---- Data provided
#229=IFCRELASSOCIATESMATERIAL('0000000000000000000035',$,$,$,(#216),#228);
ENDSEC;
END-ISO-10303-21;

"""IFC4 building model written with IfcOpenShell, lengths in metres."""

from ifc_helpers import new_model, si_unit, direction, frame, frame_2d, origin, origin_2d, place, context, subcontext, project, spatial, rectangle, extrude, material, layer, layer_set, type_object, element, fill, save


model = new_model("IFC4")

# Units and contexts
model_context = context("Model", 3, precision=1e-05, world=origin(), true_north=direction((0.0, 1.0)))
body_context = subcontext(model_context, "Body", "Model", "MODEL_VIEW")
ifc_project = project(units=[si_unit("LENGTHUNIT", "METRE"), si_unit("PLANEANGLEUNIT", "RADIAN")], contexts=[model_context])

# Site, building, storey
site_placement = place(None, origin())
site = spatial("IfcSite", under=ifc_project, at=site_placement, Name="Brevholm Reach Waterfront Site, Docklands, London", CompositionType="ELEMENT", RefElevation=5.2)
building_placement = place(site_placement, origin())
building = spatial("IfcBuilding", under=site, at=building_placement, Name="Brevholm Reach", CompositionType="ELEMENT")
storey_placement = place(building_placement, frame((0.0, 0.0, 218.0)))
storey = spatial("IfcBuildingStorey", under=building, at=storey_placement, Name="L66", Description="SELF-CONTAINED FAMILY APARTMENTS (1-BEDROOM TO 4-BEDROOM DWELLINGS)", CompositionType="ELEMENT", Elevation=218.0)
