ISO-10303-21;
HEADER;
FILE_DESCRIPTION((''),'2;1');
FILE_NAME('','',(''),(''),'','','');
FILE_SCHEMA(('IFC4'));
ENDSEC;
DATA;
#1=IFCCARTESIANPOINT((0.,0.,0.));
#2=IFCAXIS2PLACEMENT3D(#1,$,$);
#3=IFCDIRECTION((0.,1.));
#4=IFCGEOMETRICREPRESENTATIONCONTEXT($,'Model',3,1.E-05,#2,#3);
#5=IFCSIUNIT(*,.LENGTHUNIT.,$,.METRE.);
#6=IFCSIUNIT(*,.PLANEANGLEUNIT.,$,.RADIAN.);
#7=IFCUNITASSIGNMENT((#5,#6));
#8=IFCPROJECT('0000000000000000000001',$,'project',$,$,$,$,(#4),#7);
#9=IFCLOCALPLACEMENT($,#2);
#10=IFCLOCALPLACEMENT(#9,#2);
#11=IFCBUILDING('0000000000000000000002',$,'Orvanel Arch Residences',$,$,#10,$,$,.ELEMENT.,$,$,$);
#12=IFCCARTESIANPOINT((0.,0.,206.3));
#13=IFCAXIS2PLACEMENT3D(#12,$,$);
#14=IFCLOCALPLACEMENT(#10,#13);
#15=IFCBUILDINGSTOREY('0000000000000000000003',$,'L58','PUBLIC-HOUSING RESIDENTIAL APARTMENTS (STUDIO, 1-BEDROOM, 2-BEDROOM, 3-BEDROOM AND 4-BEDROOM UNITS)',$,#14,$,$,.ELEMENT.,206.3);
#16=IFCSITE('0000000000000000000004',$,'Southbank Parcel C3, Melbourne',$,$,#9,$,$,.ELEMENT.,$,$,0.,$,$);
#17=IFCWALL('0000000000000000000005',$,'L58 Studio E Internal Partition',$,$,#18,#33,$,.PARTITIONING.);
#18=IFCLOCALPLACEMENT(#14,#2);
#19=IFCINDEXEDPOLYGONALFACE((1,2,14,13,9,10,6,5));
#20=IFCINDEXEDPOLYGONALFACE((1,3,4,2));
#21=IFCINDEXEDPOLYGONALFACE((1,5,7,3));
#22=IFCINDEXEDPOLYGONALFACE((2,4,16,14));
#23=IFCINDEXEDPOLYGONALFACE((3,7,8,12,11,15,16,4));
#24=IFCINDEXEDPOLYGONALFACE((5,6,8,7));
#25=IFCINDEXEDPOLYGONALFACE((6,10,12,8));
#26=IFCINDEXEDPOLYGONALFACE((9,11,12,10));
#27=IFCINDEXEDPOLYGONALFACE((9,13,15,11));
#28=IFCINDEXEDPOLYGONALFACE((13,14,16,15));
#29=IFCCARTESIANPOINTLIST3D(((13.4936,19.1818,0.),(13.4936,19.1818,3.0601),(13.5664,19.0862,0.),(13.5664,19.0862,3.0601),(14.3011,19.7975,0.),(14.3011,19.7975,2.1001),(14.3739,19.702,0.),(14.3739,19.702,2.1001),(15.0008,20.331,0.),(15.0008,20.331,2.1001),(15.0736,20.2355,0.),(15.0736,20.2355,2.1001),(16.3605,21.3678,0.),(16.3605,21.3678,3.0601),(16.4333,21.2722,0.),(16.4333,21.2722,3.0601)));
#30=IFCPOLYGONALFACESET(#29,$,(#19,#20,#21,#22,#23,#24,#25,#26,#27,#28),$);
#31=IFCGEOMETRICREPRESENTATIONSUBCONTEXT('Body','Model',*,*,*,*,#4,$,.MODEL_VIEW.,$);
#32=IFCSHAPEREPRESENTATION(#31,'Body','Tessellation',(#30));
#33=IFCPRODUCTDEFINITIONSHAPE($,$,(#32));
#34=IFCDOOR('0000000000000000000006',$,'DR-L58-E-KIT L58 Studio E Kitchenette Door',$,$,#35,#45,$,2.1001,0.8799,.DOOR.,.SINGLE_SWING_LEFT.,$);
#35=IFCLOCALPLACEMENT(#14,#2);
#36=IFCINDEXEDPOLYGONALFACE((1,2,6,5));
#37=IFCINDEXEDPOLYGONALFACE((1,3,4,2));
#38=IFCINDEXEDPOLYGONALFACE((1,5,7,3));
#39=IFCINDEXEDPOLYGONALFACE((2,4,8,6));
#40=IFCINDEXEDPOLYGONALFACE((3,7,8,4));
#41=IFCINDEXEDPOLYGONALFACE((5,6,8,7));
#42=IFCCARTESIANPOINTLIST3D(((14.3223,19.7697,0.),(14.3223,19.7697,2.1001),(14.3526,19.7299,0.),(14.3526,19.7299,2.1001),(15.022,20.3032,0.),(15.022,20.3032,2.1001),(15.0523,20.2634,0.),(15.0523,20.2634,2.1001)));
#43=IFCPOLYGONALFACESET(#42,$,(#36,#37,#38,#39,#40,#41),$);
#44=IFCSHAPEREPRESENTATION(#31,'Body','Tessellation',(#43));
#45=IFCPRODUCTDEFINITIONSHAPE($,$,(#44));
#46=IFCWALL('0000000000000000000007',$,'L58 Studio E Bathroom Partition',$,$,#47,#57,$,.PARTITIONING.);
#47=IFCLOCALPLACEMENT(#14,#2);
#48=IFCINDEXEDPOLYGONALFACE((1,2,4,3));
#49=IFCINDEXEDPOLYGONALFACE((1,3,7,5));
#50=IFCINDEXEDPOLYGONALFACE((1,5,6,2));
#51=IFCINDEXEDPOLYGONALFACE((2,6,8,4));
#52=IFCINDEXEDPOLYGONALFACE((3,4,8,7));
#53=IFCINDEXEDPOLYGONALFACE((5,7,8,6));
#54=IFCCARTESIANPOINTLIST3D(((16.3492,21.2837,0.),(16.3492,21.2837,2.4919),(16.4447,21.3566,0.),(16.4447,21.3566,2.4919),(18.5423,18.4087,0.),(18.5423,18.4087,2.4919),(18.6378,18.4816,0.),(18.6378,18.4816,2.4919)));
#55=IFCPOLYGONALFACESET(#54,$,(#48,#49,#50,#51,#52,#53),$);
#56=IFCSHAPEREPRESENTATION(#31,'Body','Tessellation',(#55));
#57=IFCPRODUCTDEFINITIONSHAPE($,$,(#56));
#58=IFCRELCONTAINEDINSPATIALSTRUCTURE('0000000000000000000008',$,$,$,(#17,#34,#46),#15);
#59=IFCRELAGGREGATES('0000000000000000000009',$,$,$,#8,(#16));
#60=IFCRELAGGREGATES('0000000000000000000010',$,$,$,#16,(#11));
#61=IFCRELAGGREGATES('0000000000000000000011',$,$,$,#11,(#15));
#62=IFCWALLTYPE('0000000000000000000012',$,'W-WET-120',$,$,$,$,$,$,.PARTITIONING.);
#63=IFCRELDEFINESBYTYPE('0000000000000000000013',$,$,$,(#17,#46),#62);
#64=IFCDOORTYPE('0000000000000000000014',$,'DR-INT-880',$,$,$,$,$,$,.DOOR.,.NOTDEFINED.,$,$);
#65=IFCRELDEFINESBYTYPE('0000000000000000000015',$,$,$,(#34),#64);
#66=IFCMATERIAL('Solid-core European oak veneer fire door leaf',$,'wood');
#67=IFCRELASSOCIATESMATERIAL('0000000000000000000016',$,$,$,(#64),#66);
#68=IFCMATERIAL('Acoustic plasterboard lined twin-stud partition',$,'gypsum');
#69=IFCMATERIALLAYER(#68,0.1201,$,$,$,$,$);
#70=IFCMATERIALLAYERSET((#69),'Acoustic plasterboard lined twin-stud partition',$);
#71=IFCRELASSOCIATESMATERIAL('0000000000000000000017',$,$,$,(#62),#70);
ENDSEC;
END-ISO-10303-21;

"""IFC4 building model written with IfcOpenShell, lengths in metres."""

from ifc_helpers import new_model, si_unit, direction, frame, frame_2d, origin, place, context, subcontext, project, spatial, rectangle, extrude, material, layer, layer_set, type_object, element, fill, save


model = new_model("IFC4")

# Units and contexts
model_context = context("Model", 3, precision=1e-05, world=origin(), true_north=direction((0.0, 1.0)))
body_context = subcontext(model_context, "Body", "Model", "MODEL_VIEW")
ifc_project = project(units=[si_unit("LENGTHUNIT", "METRE"), si_unit("PLANEANGLEUNIT", "RADIAN")], contexts=[model_context])

# Site, building, storey
site_placement = place(None, origin())
site = spatial("IfcSite", under=ifc_project, at=site_placement, Name="Southbank Parcel C3, Melbourne", CompositionType="ELEMENT", RefElevation=0.0)
building_placement = place(site_placement, origin())
building = spatial("IfcBuilding", under=site, at=building_placement, Name="Orvanel Arch Residences", CompositionType="ELEMENT")
storey_placement = place(building_placement, frame((0.0, 0.0, 206.3)))
storey = spatial("IfcBuildingStorey", under=building, at=storey_placement, Name="L58", Description="PUBLIC-HOUSING RESIDENTIAL APARTMENTS (STUDIO, 1-BEDROOM, 2-BEDROOM, 3-BEDROOM AND 4-BEDROOM UNITS)", CompositionType="ELEMENT", Elevation=206.3)

# Shared definitions
ifc_material_1 = material(Name="Acoustic plasterboard lined twin-stud partition", Category="gypsum")
ifc_material_2 = material(Name="Solid-core European oak veneer fire door leaf", Category="wood")
door_type_1 = type_object("IfcDoorType", Name="DR-INT-880", OperationType="NOTDEFINED", PredefinedType="DOOR", material=ifc_material_2)

# Shared definitions
ifc_layer_1 = layer(ifc_material_1, 0.1201)
ifc_layer_set_1 = layer_set([ifc_layer_1], Name="Acoustic plasterboard lined twin-stud partition")
wall_type_1 = type_object("IfcWallType", Name="W-WET-120", PredefinedType="PARTITIONING", material=ifc_layer_set_1)

# Wall, opening, door
wall_1_placement = place(storey_placement, frame((16.397, 21.3201, 0.0), z_axis=(0.0, 0.0, 1.0), x_axis=(-0.795205, -0.606341, 0.0)))
wall_1 = element("IfcWall", 1, at=wall_1_placement, inside=storey, type_object=wall_type_1, Name="L58 Studio E Internal Partition", PredefinedType="PARTITIONING", context=body_context, shape_type="SweptSolid", body=[
    extrude(rectangle(XDim=3.6052, YDim=0.1201, at=frame_2d((1.8027, 0.0))), origin(), (0.0, 0.0, 1.0), 3.0601),
])
opening_1_placement = place(wall_1_placement, frame((1.71, 0.0, 0.0)))
opening_1 = element("IfcOpeningElement", 2, at=opening_1_placement, cuts=wall_1, PredefinedType="OPENING", context=body_context, shape_type="SweptSolid", body=[
    extrude(rectangle(XDim=0.8799, YDim=2.1001, at=frame_2d((0.4399, 1.05))), frame((0.0, 0.0701, 0.0), z_axis=(0.0, -1.0, 0.0), x_axis=(1.0, 0.0, 0.0)), (0.0, 0.0, 1.0), 0.1401),
])
door_1_placement = place(opening_1_placement, origin())
door_1 = element("IfcDoor", 3, at=door_1_placement, inside=storey, type_object=door_type_1, Name="DR-L58-E-KIT L58 Studio E Kitchenette Door", OperationType="SINGLE_SWING_LEFT", OverallHeight=2.1001, OverallWidth=0.8799, PredefinedType="DOOR", context=body_context, shape_type="SweptSolid", body=[
    extrude(rectangle(XDim=0.8799, YDim=2.1001, at=frame_2d((0.4399, 1.05))), frame((0.0, 0.0249, 0.0), z_axis=(0.0, -1.0, 0.0), x_axis=(1.0, 0.0, 0.0)), (0.0, 0.0, 1.0), 0.05),
])
fill(opening_1, door_1)

# Wall
wall_2_placement = place(storey_placement, frame((18.5901, 18.4451, 0.0), z_axis=(0.0, 0.0, 1.0), x_axis=(-0.606505, 0.79508, 0.0)))
element("IfcWall", 4, at=wall_2_placement, inside=storey, type_object=wall_type_1, Name="L58 Studio E Bathroom Partition", PredefinedType="PARTITIONING", context=body_context, shape_type="SweptSolid", body=[
    extrude(rectangle(XDim=3.616, YDim=0.1201, at=frame_2d((1.8081, 0.0))), origin(), (0.0, 0.0, 1.0), 2.4919),
])

save(model, "model.ifc")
--------
- [The task]: Find the word "IFCRELAGGREGATES" in the data and show each line that holds it.

- [Task output]:
#59=IFCRELAGGREGATES('0000000000000000000009',$,$,$,#8,(#16));
#60=IFCRELAGGREGATES('0000000000000000000010',$,$,$,#16,(#11));
#61=IFCRELAGGREGATES('0000000000000000000011',$,$,$,#11,(#15));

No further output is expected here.